Task inputs:

☆ ☆ ☆ ☆

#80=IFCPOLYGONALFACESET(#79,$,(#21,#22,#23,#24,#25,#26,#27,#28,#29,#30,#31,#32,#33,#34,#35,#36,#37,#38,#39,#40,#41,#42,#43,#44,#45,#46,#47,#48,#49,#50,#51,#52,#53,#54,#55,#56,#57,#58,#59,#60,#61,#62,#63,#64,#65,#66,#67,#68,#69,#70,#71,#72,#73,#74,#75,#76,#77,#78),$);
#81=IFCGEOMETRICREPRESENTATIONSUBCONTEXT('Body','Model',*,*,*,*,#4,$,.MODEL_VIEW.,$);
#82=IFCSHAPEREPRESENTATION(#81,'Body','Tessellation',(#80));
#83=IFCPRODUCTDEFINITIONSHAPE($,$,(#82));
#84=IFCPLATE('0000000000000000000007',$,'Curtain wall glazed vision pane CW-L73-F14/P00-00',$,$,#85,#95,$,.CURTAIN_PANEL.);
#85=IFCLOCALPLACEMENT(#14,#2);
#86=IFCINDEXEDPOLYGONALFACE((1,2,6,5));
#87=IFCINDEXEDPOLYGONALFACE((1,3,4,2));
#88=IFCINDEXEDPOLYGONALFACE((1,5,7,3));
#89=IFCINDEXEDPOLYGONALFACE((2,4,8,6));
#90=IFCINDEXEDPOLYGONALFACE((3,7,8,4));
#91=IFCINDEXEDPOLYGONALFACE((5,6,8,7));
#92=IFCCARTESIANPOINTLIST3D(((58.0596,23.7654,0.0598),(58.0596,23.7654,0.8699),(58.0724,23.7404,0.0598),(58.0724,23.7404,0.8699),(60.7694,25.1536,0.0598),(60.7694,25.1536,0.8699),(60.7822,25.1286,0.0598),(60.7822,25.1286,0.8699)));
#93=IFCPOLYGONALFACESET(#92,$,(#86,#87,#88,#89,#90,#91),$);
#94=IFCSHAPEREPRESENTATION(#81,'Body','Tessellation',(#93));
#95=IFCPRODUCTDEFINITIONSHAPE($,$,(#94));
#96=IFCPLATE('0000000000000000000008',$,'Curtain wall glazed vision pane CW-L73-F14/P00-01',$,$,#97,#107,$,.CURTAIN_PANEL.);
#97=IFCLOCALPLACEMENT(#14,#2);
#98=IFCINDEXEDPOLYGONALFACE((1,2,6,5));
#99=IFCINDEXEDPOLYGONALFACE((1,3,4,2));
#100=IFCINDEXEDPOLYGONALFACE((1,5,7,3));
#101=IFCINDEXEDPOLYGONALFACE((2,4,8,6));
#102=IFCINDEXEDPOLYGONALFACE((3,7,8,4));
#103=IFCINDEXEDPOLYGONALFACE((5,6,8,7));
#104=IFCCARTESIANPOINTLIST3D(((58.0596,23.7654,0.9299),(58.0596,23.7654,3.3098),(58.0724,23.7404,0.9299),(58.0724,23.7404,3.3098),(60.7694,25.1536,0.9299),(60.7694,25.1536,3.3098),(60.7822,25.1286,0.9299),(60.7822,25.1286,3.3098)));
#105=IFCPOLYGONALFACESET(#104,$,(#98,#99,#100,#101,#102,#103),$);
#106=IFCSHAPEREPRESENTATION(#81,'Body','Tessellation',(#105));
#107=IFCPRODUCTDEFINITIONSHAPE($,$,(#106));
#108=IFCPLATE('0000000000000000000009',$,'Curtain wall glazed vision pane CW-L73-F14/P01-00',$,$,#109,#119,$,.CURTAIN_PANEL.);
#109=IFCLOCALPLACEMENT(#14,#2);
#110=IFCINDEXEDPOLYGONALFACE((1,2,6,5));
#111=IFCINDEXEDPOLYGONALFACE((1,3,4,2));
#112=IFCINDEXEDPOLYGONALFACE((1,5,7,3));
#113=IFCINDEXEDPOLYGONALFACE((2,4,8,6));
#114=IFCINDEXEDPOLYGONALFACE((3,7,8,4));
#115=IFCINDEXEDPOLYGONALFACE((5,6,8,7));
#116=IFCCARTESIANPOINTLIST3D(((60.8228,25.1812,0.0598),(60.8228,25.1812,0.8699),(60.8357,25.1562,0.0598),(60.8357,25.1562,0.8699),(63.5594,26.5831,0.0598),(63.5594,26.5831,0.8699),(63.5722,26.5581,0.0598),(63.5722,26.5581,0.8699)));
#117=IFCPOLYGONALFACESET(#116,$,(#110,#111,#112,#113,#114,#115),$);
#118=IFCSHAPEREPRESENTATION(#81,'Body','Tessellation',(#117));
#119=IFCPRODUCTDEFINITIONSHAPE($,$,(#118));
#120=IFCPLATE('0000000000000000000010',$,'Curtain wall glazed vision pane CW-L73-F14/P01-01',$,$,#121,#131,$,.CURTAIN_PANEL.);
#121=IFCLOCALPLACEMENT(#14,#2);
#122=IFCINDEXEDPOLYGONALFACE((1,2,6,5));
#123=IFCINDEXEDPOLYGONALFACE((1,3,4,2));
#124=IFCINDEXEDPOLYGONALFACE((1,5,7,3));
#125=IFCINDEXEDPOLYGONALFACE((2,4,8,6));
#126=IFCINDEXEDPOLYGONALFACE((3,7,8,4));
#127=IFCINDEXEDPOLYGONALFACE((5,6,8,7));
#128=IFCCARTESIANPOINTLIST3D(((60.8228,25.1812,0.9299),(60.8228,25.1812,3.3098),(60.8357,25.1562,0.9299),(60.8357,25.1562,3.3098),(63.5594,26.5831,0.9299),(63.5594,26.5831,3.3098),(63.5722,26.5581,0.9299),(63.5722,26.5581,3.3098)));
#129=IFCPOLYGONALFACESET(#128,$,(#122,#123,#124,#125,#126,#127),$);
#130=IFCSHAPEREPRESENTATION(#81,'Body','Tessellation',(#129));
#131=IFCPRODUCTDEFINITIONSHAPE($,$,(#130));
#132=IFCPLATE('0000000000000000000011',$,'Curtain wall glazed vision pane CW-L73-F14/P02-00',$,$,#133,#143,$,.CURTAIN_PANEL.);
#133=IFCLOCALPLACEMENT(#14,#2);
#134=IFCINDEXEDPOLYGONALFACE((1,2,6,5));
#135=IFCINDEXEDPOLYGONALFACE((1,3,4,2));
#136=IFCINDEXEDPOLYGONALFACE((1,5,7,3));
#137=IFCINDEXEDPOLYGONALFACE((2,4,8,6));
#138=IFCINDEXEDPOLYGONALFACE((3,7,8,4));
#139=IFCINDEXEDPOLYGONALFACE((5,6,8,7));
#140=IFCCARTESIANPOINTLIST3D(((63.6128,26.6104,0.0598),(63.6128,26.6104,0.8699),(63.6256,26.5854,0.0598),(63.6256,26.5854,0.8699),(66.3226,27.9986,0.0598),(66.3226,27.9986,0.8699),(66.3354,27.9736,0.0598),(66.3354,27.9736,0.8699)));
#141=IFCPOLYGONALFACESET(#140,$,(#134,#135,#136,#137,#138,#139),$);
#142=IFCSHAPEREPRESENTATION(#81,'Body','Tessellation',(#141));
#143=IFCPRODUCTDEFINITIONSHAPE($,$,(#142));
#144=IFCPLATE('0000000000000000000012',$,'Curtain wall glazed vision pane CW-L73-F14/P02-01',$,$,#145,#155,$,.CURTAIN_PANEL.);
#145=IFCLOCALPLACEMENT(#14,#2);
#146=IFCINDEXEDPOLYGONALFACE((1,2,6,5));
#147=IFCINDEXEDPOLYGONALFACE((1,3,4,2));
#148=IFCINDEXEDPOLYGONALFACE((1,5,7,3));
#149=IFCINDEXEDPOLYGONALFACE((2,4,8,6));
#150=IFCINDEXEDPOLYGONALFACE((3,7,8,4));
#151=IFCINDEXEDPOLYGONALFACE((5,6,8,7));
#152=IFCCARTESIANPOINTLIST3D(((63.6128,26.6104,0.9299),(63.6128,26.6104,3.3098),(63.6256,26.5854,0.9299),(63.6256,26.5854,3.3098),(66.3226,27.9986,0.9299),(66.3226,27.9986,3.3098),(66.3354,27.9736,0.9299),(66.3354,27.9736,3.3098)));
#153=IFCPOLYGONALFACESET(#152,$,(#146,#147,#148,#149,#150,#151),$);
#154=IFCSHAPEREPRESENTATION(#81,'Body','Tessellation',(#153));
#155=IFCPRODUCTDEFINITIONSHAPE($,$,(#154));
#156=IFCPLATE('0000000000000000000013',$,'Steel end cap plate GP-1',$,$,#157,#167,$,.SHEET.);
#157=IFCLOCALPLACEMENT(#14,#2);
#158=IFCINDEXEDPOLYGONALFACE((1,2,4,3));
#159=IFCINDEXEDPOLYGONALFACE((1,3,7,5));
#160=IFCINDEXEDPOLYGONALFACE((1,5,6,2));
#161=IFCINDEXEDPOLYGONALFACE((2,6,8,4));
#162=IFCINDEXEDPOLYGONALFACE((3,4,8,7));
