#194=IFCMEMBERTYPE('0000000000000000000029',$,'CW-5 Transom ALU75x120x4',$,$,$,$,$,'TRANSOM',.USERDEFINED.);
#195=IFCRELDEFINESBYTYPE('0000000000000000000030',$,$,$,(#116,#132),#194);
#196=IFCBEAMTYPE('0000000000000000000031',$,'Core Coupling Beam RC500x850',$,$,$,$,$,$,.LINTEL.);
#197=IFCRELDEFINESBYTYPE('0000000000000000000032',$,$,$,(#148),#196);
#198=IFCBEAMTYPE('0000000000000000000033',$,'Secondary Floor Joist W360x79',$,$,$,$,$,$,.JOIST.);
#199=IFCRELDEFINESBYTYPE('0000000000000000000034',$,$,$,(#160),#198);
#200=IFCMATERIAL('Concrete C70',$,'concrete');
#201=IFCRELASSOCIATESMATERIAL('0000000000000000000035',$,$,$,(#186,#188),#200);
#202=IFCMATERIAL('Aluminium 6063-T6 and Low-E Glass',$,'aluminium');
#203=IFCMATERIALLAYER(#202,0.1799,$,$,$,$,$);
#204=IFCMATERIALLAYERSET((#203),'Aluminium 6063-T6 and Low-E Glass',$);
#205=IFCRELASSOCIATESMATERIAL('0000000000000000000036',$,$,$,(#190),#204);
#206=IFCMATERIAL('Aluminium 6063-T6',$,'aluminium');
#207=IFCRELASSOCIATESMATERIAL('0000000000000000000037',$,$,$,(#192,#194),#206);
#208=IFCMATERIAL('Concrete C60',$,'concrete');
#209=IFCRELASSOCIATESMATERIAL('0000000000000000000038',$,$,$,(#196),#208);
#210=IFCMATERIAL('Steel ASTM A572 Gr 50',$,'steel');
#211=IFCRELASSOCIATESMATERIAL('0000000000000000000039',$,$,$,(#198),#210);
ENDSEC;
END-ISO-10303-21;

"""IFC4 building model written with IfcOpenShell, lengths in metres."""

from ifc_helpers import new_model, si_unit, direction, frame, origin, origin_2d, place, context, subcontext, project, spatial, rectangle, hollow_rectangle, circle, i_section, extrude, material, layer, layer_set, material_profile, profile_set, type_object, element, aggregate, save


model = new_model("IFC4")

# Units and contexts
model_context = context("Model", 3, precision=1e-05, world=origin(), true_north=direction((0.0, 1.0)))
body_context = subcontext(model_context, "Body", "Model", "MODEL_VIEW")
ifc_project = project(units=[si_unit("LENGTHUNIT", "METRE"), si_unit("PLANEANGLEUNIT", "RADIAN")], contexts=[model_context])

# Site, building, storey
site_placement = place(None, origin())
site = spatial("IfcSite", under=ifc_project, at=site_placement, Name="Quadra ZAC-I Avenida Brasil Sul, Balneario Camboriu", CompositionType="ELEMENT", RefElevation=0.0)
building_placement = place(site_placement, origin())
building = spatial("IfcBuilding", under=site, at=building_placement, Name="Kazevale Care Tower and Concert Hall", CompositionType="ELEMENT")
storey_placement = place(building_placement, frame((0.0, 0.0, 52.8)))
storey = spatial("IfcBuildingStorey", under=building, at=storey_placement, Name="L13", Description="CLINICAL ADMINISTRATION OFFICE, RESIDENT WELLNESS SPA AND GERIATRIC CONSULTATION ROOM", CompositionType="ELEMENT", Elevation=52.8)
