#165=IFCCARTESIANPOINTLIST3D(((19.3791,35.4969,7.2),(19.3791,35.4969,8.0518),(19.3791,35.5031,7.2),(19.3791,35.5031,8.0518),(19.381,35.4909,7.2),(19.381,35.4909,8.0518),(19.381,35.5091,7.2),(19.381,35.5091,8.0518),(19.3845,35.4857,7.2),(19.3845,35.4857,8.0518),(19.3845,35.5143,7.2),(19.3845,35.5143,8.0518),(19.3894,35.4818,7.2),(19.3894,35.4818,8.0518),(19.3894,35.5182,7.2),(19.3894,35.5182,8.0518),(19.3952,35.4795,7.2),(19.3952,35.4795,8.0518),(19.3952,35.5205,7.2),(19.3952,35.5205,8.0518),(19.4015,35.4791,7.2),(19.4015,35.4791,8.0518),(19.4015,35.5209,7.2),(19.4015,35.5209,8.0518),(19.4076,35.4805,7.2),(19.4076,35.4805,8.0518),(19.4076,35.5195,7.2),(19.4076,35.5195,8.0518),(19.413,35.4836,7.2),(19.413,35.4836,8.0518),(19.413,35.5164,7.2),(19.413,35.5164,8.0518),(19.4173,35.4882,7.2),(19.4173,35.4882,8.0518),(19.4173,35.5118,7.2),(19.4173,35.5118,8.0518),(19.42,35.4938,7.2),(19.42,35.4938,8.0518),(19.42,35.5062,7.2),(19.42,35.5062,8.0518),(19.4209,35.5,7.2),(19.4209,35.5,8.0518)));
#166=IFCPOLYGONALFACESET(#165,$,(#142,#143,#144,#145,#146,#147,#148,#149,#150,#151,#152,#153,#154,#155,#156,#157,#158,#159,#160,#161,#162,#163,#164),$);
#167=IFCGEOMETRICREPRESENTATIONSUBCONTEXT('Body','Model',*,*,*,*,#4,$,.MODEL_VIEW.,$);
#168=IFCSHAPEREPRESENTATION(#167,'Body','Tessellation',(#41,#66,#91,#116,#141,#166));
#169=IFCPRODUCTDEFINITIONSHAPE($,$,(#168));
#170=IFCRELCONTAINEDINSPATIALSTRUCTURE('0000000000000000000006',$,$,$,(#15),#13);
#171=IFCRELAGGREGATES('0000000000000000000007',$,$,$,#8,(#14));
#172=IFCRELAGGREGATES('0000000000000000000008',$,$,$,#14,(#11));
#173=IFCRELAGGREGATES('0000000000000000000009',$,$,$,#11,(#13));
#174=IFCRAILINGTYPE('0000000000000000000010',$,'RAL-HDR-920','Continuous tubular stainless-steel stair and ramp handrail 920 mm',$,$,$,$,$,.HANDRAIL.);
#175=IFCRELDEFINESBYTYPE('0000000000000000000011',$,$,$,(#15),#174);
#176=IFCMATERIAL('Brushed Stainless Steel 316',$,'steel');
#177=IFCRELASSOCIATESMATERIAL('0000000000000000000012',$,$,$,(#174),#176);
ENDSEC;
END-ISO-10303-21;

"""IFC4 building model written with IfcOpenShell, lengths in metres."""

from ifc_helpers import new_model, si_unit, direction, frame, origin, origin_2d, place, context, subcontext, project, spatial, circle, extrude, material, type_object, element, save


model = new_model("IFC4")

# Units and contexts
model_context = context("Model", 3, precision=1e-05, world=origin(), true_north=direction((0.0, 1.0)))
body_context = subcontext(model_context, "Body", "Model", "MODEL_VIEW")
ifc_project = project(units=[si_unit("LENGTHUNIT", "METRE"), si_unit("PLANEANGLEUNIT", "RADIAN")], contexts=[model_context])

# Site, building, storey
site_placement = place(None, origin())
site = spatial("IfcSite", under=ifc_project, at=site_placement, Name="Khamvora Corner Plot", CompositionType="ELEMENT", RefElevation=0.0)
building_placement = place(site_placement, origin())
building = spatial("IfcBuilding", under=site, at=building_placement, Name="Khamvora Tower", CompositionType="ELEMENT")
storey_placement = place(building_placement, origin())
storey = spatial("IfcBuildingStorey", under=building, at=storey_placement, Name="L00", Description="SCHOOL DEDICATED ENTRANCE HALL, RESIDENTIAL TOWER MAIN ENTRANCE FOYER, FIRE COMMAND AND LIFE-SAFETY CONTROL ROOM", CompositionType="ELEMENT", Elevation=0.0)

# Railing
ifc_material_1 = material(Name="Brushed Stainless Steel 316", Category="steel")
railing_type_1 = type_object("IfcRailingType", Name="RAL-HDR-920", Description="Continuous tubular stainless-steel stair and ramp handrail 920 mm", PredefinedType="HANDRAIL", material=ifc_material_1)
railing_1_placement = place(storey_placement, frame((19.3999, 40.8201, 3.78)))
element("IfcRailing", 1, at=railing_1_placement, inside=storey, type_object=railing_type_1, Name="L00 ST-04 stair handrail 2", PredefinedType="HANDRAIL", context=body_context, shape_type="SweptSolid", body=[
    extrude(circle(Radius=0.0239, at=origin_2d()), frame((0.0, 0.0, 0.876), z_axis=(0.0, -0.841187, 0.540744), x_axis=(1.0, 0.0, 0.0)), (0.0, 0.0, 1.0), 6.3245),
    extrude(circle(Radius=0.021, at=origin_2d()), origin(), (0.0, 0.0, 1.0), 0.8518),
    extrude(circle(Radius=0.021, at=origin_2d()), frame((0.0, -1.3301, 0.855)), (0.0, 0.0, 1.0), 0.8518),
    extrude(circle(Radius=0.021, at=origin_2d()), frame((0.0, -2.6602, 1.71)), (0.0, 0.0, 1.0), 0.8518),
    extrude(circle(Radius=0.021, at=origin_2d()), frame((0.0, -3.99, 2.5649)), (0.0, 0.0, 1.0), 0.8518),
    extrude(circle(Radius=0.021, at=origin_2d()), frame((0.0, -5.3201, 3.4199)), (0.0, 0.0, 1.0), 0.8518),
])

☆ ☆ ☆ ☆

Instructions to follow:
Retype exactly, and only, the lines above from the one where "#90=IFCINDEXEDPOLYGONALFACE((3,7,8,4));" occurs up to and including the one where "#103=IFCINDEXEDPOLYGONALFACE((5,6,8,7));" occurs.

Written response:
#90=IFCINDEXEDPOLYGONALFACE((3,7,8,4));
#91=IFCINDEXEDPOLYGONALFACE((5,6,8,7));
#92=IFCCARTESIANPOINTLIST3D(((58.0596,23.7654,0.0598),(58.0596,23.7654,0.8699),(58.0724,23.7404,0.0598),(58.0724,23.7404,0.8699),(60.7694,25.1536,0.0598),(60.7694,25.1536,0.8699),(60.7822,25.1286,0.0598),(60.7822,25.1286,0.8699)));
#93=IFCPOLYGONALFACESET(#92,$,(#86,#87,#88,#89,#90,#91),$);
#94=IFCSHAPEREPRESENTATION(#81,'Body','Tessellation',(#93));
#95=IFCPRODUCTDEFINITIONSHAPE($,$,(#94));
#96=IFCPLATE('0000000000000000000008',$,'Curtain wall glazed vision pane CW-L73-F14/P00-01',$,$,#97,#107,$,.CURTAIN_PANEL.);
#97=IFCLOCALPLACEMENT(#14,#2);
#98=IFCINDEXEDPOLYGONALFACE((1,2,6,5));
#99=IFCINDEXEDPOLYGONALFACE((1,3,4,2));
#100=IFCINDEXEDPOLYGONALFACE((1,5,7,3));
#101=IFCINDEXEDPOLYGONALFACE((2,4,8,6));
#102=IFCINDEXEDPOLYGONALFACE((3,7,8,4));
#103=IFCINDEXEDPOLYGONALFACE((5,6,8,7));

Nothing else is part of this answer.